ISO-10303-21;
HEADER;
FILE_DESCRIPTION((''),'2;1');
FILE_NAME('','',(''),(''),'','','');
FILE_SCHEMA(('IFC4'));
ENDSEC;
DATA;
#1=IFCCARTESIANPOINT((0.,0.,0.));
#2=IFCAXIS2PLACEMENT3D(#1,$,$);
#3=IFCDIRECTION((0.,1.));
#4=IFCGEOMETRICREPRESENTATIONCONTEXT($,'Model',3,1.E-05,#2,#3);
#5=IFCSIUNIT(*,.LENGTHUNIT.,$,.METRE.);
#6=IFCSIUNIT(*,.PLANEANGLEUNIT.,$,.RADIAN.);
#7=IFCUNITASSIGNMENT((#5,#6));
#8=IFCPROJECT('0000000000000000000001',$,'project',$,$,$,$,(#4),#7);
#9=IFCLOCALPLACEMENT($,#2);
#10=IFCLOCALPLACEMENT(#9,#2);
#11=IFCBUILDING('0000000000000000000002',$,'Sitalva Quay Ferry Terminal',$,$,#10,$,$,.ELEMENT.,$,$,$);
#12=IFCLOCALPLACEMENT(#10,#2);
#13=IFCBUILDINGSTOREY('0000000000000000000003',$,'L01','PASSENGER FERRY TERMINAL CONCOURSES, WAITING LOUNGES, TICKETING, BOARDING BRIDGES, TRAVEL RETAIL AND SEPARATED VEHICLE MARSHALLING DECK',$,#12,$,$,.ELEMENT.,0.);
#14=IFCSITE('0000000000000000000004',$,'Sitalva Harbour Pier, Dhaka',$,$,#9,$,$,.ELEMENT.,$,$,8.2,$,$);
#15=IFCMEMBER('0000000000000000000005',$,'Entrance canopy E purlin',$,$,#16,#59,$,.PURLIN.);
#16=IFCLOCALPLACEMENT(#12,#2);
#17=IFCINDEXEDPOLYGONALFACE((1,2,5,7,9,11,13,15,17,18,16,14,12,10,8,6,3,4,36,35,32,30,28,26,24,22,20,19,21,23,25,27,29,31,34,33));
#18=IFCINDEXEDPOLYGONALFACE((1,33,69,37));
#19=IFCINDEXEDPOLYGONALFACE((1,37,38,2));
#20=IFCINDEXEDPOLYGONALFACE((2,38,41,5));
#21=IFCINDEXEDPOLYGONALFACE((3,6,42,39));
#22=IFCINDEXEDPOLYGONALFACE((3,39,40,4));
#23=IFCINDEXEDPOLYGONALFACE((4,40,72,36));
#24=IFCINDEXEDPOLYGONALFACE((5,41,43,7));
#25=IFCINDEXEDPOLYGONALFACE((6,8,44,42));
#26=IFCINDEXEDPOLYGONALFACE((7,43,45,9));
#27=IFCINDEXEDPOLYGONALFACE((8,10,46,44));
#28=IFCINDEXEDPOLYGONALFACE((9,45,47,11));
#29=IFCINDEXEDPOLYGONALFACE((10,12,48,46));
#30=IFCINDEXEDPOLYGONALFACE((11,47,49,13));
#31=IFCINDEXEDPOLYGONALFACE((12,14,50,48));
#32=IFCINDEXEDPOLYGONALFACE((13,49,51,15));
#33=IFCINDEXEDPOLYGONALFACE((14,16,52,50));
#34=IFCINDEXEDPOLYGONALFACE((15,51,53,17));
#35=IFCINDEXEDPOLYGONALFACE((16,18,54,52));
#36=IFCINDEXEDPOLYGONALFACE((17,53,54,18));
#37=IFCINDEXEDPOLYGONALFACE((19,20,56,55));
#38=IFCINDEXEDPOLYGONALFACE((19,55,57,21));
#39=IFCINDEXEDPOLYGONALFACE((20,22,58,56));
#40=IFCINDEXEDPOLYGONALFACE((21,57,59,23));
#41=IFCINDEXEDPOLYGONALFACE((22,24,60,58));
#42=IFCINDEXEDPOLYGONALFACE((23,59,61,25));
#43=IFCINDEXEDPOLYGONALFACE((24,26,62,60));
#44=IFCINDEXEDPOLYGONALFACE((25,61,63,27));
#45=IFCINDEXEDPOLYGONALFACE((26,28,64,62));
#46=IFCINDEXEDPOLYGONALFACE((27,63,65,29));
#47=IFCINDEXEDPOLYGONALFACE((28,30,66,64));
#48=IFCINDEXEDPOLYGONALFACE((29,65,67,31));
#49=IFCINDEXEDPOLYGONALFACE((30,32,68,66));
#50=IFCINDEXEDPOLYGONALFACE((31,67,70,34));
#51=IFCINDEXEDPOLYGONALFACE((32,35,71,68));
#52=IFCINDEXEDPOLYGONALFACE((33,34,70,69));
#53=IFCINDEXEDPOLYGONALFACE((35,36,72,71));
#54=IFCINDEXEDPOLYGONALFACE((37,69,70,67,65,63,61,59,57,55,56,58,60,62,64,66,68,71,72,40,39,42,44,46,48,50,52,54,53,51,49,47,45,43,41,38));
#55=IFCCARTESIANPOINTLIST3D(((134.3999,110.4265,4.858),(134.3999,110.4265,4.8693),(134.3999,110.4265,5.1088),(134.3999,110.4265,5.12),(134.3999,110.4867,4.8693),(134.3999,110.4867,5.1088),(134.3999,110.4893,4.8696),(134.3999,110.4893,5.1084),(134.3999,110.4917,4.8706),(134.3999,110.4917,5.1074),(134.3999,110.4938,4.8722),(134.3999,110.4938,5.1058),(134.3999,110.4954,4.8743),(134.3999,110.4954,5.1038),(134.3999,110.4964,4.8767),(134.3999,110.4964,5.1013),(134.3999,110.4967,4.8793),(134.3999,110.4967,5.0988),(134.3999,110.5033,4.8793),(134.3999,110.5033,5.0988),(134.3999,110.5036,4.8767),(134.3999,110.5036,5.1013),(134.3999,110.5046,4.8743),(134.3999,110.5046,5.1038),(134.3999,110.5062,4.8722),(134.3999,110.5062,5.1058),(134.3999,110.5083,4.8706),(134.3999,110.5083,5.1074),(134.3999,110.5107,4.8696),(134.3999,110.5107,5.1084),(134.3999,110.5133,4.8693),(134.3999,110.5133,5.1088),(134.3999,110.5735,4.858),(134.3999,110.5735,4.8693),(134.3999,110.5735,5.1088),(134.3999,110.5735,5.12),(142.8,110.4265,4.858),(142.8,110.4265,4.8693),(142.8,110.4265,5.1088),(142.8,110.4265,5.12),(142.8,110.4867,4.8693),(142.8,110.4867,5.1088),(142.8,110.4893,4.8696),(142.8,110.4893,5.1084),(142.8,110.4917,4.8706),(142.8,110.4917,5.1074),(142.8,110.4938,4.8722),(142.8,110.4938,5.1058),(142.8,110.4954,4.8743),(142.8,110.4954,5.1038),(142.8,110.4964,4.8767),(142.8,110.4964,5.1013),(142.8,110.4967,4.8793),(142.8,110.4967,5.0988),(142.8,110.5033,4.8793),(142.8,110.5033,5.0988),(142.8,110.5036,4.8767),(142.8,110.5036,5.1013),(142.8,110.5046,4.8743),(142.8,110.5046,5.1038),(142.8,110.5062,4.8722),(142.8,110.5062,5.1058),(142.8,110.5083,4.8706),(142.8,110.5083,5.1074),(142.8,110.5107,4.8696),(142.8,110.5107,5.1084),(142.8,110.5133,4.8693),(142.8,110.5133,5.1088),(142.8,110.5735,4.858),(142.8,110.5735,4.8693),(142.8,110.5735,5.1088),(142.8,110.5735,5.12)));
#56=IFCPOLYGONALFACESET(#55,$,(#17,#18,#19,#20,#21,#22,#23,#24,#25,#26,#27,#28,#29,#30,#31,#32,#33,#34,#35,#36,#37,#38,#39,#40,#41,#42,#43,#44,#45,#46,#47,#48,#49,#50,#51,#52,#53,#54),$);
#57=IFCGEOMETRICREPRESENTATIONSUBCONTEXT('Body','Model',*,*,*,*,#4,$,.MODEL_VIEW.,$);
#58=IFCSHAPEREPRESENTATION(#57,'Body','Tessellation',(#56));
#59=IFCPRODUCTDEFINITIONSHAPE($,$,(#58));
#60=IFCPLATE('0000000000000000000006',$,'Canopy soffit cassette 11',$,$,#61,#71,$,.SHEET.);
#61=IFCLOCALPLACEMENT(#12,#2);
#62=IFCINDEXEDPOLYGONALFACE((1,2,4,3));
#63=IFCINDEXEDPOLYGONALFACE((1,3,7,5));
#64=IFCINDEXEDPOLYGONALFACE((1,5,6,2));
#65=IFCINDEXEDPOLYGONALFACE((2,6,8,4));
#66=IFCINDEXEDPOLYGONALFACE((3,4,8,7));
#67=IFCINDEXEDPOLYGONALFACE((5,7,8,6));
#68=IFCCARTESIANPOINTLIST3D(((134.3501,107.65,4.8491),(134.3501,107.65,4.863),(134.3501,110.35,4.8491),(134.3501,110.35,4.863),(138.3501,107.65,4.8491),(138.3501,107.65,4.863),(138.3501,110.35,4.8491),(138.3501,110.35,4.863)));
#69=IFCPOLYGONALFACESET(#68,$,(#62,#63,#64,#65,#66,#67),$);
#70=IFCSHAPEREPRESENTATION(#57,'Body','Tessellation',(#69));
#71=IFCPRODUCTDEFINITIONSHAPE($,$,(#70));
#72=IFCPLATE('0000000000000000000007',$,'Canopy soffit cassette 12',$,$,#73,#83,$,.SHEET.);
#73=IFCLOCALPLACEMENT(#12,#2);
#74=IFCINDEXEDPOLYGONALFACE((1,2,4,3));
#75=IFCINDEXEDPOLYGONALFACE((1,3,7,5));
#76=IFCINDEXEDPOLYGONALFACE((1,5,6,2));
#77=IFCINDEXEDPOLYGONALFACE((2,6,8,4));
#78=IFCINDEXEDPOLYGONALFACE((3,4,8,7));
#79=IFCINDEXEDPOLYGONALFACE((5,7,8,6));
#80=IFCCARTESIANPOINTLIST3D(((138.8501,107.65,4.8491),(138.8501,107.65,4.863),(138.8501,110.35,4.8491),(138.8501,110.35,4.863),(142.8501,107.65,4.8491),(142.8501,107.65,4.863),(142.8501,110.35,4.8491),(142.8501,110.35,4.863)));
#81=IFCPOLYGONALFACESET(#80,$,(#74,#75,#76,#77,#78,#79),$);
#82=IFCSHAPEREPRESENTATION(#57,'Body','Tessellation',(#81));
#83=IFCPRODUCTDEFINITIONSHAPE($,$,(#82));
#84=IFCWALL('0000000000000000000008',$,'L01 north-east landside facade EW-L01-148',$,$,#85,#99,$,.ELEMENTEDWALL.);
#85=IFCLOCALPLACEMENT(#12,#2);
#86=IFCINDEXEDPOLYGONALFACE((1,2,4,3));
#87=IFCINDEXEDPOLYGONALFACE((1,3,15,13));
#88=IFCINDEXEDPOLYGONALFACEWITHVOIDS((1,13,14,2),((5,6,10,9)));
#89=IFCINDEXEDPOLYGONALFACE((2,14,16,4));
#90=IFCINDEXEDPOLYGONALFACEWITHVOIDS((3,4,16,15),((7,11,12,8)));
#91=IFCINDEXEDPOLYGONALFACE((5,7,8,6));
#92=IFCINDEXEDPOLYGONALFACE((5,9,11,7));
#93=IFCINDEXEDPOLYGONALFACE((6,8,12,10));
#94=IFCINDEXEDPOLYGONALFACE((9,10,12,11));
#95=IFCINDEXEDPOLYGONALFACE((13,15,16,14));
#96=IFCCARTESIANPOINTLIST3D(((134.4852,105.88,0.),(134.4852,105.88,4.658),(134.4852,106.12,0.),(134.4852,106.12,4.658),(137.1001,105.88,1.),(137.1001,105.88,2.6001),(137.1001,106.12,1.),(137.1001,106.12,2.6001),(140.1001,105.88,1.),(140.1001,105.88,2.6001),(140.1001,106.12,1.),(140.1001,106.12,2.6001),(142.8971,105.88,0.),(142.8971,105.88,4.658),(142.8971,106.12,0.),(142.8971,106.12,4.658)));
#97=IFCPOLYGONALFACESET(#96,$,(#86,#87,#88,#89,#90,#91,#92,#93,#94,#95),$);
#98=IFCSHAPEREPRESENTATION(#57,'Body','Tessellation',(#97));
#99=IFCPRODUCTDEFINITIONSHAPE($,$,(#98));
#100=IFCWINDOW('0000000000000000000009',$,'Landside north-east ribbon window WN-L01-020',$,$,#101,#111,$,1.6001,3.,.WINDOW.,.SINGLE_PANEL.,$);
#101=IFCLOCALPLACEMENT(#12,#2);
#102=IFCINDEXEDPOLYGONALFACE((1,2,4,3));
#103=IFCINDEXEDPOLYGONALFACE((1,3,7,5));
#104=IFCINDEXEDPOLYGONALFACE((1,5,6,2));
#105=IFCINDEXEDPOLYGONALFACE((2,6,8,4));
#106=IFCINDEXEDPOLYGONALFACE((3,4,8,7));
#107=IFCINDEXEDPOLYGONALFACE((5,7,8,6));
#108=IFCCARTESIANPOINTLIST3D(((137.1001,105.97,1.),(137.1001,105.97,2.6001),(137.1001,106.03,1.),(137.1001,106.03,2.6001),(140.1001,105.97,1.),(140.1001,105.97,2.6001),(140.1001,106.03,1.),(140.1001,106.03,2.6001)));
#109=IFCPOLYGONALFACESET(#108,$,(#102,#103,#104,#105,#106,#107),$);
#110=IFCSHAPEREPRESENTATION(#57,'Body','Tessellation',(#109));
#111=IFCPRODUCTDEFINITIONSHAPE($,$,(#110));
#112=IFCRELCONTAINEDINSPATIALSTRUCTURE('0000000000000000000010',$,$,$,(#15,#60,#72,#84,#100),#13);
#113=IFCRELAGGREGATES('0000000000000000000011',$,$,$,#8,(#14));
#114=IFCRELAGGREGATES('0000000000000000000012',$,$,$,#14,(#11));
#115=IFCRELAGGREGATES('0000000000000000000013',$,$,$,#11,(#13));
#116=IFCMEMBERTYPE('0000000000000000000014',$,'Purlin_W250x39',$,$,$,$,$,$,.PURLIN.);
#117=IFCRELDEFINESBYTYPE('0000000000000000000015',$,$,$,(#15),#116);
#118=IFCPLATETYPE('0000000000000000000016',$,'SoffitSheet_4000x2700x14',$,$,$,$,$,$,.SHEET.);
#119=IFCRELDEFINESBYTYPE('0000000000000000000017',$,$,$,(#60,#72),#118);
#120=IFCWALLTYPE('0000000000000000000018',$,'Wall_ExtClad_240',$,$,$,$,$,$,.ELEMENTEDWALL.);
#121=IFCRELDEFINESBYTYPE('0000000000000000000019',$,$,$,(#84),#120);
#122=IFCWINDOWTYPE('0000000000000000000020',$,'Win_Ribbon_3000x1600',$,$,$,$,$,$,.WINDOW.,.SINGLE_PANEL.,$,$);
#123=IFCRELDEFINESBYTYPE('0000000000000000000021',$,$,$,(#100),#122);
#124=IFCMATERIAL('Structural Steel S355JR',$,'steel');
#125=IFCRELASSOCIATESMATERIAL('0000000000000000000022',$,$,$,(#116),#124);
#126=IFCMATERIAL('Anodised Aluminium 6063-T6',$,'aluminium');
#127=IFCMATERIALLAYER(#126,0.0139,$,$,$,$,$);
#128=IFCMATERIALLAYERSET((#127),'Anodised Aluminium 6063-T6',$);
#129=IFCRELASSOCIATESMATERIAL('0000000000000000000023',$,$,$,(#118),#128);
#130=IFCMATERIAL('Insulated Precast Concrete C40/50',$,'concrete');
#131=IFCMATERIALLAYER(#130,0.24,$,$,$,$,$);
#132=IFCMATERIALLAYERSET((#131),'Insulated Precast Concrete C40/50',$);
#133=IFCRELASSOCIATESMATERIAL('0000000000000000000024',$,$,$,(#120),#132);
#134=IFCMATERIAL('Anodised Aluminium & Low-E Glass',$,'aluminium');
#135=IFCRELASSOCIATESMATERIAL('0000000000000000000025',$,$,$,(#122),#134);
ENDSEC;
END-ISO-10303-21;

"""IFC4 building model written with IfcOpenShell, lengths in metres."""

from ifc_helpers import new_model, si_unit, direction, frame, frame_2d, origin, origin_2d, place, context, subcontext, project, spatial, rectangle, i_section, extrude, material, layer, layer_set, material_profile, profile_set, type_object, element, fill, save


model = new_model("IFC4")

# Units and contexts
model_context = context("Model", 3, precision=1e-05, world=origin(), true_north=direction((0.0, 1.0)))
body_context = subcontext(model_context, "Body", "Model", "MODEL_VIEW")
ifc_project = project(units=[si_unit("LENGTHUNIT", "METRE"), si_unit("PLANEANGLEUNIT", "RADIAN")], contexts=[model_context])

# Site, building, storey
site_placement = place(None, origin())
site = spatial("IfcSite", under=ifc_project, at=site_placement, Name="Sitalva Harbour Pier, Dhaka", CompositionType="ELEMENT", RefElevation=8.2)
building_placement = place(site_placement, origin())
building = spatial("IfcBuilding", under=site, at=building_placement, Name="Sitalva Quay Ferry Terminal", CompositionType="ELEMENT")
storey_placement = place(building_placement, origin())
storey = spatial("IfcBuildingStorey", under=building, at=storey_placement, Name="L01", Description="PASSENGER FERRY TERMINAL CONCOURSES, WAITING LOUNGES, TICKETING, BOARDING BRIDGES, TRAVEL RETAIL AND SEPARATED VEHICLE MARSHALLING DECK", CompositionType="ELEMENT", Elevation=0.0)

──────────────────────────────

■ What you should do ■
Nothing but the lines from the top of the records down to the line with "#15=IFCMEMBER('0000000000000000000005',$,'Entrance canopy E" belongs in the answer; repeat them exactly.

■ Exercise answer ■
ISO-10303-21;
HEADER;
FILE_DESCRIPTION((''),'2;1');
FILE_NAME('','',(''),(''),'','','');
FILE_SCHEMA(('IFC4'));
ENDSEC;
DATA;
#1=IFCCARTESIANPOINT((0.,0.,0.));
#2=IFCAXIS2PLACEMENT3D(#1,$,$);
#3=IFCDIRECTION((0.,1.));
#4=IFCGEOMETRICREPRESENTATIONCONTEXT($,'Model',3,1.E-05,#2,#3);
#5=IFCSIUNIT(*,.LENGTHUNIT.,$,.METRE.);
#6=IFCSIUNIT(*,.PLANEANGLEUNIT.,$,.RADIAN.);
#7=IFCUNITASSIGNMENT((#5,#6));
#8=IFCPROJECT('0000000000000000000001',$,'project',$,$,$,$,(#4),#7);
#9=IFCLOCALPLACEMENT($,#2);
#10=IFCLOCALPLACEMENT(#9,#2);
#11=IFCBUILDING('0000000000000000000002',$,'Sitalva Quay Ferry Terminal',$,$,#10,$,$,.ELEMENT.,$,$,$);
#12=IFCLOCALPLACEMENT(#10,#2);
#13=IFCBUILDINGSTOREY('0000000000000000000003',$,'L01','PASSENGER FERRY TERMINAL CONCOURSES, WAITING LOUNGES, TICKETING, BOARDING BRIDGES, TRAVEL RETAIL AND SEPARATED VEHICLE MARSHALLING DECK',$,#12,$,$,.ELEMENT.,0.);
#14=IFCSITE('0000000000000000000004',$,'Sitalva Harbour Pier, Dhaka',$,$,#9,$,$,.ELEMENT.,$,$,8.2,$,$);
#15=IFCMEMBER('0000000000000000000005',$,'Entrance canopy E purlin',$,$,#16,#59,$,.PURLIN.);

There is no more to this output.